Each line in the listing below that includes "PURLIN" should be counted; give the total and nothing more.

[[ Entries supplied, beginning ]]

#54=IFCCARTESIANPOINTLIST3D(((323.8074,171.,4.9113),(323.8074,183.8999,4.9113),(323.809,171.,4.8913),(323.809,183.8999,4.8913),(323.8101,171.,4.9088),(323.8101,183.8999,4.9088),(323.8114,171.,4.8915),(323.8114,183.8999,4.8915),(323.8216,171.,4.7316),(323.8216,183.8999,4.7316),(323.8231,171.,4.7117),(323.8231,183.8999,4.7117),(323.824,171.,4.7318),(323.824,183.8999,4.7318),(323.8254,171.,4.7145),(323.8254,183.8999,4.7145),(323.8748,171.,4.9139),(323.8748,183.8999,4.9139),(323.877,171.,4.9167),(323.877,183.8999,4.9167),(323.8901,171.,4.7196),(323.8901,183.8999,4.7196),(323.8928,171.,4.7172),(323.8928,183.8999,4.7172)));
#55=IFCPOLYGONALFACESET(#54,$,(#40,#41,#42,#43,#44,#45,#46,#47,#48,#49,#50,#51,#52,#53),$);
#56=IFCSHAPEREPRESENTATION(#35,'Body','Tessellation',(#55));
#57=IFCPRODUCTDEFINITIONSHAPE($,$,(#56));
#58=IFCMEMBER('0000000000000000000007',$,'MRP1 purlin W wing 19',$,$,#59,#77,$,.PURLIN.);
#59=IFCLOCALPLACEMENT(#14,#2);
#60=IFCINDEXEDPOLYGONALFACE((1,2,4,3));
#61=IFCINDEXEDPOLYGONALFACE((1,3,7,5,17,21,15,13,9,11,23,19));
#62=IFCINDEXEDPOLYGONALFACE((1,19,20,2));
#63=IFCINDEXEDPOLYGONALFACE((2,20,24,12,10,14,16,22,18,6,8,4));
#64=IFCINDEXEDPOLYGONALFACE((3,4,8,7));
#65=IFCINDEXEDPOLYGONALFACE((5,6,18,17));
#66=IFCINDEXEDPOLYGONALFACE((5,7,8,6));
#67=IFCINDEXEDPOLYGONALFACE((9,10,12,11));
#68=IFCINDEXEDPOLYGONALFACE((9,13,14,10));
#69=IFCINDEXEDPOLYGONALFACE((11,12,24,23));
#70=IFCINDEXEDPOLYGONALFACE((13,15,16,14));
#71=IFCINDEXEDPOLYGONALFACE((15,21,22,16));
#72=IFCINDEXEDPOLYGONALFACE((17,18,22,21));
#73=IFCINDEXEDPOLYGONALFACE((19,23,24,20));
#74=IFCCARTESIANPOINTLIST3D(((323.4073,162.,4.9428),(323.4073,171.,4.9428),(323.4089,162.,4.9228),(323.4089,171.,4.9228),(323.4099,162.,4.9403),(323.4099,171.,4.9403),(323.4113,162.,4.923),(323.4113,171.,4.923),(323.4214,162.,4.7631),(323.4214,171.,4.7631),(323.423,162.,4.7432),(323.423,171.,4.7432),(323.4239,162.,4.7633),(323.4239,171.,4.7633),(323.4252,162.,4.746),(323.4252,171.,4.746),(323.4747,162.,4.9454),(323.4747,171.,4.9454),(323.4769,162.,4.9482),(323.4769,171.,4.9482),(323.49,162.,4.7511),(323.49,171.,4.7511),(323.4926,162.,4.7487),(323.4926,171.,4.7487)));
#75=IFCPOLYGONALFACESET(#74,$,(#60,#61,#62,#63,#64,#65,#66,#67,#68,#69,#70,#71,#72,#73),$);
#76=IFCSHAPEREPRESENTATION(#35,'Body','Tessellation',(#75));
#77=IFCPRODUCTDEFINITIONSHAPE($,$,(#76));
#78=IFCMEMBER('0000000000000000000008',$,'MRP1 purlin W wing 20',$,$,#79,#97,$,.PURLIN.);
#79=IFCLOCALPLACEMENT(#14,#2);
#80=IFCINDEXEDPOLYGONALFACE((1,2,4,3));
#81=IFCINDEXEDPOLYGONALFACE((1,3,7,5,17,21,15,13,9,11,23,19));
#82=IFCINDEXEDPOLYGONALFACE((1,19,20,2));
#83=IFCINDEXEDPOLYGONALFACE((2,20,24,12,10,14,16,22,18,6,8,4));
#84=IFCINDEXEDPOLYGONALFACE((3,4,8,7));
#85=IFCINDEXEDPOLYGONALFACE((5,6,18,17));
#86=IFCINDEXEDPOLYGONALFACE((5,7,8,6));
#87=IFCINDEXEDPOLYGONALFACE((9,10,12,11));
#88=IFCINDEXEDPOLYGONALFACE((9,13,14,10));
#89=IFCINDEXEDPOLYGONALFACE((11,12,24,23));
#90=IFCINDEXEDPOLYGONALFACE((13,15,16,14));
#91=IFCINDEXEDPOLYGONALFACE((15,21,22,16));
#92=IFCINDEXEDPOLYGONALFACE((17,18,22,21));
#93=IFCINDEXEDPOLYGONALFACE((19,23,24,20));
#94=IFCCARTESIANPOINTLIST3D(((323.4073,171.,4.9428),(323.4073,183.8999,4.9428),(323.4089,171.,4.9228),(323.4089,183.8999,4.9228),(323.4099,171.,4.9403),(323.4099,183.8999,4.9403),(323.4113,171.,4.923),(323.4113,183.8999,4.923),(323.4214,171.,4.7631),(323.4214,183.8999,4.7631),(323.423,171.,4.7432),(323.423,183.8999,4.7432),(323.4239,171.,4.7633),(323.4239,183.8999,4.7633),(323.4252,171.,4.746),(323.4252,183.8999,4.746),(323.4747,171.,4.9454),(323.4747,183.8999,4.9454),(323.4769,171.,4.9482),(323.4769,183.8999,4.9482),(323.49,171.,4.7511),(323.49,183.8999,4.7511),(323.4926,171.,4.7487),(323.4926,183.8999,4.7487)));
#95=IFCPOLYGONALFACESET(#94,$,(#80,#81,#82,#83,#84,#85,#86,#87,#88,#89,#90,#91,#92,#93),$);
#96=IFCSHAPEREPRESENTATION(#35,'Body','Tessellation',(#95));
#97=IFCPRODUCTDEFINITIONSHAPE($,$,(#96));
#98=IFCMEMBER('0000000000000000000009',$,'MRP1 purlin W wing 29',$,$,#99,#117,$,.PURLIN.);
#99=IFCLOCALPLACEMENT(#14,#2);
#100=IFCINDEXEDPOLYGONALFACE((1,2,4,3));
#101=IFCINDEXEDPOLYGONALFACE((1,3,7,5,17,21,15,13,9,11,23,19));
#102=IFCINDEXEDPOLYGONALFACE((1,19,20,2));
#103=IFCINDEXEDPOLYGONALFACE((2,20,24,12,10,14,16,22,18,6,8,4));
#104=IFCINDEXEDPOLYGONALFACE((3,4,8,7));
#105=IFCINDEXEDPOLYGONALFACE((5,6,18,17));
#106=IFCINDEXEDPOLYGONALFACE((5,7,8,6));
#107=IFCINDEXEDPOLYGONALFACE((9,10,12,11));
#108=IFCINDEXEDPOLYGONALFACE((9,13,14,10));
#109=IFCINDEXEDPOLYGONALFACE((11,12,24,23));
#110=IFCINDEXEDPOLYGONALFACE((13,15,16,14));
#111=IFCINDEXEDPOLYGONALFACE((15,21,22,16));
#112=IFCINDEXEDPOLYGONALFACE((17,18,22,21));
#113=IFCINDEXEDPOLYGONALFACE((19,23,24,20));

[[ Entries supplied, end ]]

**The answer:**
3